## GOAL OF THE EXERCISE
From the records below, print exactly the lines starting at the one containing "from ifc_helpers import" and ending at the one containing "frame((0.0, 0.0, 20.6001)))", ends included, and nothing else.

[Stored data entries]
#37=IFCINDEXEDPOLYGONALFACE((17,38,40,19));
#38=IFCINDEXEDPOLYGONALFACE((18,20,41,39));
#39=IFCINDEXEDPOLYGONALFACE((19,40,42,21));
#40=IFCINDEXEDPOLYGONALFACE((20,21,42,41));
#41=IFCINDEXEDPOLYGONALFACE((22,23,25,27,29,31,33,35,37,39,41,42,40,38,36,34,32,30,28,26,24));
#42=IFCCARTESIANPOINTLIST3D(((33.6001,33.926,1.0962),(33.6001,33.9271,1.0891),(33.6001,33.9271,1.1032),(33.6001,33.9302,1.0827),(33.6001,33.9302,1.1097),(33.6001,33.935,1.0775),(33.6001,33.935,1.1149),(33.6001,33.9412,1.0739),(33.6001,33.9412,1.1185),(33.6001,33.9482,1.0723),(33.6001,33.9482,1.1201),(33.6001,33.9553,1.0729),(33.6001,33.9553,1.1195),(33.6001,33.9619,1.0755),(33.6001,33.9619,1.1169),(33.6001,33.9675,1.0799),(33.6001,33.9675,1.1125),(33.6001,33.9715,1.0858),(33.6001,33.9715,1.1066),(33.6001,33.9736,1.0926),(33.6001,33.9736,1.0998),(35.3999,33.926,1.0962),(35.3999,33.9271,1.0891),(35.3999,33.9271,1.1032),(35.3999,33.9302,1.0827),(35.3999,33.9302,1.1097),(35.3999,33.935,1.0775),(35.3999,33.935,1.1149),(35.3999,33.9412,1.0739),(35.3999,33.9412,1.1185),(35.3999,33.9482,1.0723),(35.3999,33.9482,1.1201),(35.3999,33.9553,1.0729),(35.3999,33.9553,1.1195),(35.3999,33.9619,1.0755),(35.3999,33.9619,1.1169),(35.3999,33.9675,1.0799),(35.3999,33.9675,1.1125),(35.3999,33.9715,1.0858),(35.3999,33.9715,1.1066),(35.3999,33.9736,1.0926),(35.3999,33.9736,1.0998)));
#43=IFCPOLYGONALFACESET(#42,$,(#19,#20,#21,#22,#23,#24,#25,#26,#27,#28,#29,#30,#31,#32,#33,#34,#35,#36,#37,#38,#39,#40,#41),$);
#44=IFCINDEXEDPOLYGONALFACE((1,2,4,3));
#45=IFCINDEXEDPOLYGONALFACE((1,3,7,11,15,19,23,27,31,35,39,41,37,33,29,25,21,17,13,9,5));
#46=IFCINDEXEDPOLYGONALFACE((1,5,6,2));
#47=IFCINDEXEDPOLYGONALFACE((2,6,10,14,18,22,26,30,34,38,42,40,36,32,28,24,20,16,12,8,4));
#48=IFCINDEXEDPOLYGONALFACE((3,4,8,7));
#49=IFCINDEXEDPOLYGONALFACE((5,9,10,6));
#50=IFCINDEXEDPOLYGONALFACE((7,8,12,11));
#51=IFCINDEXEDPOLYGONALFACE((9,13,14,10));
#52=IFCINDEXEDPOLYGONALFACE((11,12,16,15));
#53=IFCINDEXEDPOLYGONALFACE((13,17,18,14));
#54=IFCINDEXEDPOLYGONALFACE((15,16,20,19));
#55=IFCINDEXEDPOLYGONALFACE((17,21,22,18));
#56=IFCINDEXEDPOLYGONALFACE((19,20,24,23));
---
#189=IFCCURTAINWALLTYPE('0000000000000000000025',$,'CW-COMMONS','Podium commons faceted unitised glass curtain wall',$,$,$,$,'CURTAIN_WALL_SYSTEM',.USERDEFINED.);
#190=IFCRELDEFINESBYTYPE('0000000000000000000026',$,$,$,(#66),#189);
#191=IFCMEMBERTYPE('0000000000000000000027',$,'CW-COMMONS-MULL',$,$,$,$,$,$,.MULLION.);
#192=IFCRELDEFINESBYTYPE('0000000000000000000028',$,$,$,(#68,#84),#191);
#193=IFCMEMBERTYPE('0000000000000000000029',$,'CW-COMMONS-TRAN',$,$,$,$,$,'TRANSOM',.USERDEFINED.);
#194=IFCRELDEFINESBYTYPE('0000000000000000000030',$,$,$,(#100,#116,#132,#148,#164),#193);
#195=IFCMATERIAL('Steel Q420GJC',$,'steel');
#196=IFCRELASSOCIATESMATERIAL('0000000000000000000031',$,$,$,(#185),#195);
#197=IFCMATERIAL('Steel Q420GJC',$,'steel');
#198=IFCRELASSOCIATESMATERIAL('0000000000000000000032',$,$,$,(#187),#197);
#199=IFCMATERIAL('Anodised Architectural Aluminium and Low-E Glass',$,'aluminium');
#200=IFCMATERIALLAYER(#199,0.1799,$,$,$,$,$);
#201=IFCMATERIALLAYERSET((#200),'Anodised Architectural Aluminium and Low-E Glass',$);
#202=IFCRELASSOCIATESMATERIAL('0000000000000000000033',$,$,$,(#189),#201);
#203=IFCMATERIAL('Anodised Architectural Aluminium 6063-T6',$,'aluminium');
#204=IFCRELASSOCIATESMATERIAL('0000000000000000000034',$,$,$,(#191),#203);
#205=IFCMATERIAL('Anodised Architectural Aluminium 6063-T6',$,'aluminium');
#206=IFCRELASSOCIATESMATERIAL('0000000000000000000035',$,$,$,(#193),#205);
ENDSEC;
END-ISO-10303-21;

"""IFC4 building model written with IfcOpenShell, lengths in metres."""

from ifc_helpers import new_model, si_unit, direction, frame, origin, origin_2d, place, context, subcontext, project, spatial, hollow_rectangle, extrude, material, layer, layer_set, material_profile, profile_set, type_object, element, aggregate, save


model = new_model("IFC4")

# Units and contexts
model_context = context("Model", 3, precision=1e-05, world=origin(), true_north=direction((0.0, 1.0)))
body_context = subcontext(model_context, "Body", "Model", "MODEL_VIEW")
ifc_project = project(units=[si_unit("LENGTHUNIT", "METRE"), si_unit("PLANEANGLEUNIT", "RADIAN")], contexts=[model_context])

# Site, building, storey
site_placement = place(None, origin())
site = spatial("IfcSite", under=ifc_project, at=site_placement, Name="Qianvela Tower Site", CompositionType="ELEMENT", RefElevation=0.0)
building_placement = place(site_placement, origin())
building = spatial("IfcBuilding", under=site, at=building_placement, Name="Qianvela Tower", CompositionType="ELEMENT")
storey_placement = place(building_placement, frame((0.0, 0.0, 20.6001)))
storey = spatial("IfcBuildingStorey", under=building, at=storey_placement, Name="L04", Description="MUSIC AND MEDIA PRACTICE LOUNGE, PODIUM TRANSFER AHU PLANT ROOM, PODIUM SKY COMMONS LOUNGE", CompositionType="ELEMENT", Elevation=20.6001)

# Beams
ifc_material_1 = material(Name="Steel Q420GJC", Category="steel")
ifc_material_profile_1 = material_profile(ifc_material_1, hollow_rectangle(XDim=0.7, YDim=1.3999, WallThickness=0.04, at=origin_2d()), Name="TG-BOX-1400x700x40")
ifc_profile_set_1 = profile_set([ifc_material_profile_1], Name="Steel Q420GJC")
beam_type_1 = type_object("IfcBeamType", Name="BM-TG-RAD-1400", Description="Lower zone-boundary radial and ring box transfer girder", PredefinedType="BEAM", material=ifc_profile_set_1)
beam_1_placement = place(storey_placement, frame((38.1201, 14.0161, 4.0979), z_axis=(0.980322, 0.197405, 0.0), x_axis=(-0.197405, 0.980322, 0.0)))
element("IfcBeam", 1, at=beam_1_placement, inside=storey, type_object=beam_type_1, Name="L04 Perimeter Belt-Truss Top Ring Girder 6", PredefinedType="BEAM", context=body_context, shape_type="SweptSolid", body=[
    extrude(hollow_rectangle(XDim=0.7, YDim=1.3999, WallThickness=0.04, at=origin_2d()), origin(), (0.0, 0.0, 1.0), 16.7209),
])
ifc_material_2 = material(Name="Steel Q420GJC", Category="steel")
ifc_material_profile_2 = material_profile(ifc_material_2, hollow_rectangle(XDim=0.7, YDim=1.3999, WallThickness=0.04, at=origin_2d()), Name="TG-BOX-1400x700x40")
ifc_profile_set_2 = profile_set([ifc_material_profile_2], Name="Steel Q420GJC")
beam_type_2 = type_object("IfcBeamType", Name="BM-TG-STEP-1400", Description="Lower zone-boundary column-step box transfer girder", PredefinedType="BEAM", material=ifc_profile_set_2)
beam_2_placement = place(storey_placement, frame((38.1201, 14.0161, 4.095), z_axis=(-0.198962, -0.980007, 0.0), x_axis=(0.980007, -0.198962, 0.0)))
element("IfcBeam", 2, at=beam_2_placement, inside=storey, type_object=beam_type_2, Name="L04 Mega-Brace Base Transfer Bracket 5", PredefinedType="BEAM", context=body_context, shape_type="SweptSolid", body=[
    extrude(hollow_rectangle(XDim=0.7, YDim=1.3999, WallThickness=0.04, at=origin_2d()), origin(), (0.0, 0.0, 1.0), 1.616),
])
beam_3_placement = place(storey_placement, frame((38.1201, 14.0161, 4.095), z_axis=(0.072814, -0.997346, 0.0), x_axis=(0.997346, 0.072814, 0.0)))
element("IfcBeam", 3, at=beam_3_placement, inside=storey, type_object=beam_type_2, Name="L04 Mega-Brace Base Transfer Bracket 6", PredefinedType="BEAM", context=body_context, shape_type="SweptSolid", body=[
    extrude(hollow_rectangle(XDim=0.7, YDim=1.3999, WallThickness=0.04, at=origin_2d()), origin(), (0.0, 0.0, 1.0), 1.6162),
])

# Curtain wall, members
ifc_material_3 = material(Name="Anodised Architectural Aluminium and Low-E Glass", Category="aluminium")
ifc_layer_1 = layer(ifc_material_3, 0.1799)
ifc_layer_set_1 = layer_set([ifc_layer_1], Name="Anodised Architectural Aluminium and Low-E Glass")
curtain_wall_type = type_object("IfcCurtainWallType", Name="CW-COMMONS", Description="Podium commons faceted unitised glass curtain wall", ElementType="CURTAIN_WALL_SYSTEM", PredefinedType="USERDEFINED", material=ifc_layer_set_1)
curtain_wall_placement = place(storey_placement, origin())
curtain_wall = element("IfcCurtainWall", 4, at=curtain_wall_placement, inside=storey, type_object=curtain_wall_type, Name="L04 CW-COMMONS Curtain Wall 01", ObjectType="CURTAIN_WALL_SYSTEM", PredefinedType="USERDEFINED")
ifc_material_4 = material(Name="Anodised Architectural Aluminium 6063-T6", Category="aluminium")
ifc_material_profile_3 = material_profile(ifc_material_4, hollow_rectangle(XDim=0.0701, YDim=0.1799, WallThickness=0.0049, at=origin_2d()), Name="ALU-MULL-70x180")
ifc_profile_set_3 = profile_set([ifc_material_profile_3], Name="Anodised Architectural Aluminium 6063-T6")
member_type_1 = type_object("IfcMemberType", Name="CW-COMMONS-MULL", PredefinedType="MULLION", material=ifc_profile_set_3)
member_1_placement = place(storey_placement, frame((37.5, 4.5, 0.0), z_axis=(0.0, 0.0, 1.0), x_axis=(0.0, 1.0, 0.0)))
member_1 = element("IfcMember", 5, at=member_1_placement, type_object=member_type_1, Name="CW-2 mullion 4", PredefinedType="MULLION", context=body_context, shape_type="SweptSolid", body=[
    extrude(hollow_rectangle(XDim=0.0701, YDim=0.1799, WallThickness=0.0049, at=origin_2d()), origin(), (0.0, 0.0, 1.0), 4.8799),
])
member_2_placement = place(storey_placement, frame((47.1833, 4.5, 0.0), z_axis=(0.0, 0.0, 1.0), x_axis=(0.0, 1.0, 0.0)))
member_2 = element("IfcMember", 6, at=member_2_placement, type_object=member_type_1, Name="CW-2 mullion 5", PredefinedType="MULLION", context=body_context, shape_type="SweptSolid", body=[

## RESULT OF THE EXERCISE
from ifc_helpers import new_model, si_unit, direction, frame, origin, origin_2d, place, context, subcontext, project, spatial, hollow_rectangle, extrude, material, layer, layer_set, material_profile, profile_set, type_object, element, aggregate, save


model = new_model("IFC4")

# Units and contexts
model_context = context("Model", 3, precision=1e-05, world=origin(), true_north=direction((0.0, 1.0)))
body_context = subcontext(model_context, "Body", "Model", "MODEL_VIEW")
ifc_project = project(units=[si_unit("LENGTHUNIT", "METRE"), si_unit("PLANEANGLEUNIT", "RADIAN")], contexts=[model_context])

# Site, building, storey
site_placement = place(None, origin())
site = spatial("IfcSite", under=ifc_project, at=site_placement, Name="Qianvela Tower Site", CompositionType="ELEMENT", RefElevation=0.0)
building_placement = place(site_placement, origin())
building = spatial("IfcBuilding", under=site, at=building_placement, Name="Qianvela Tower", CompositionType="ELEMENT")
storey_placement = place(building_placement, frame((0.0, 0.0, 20.6001)))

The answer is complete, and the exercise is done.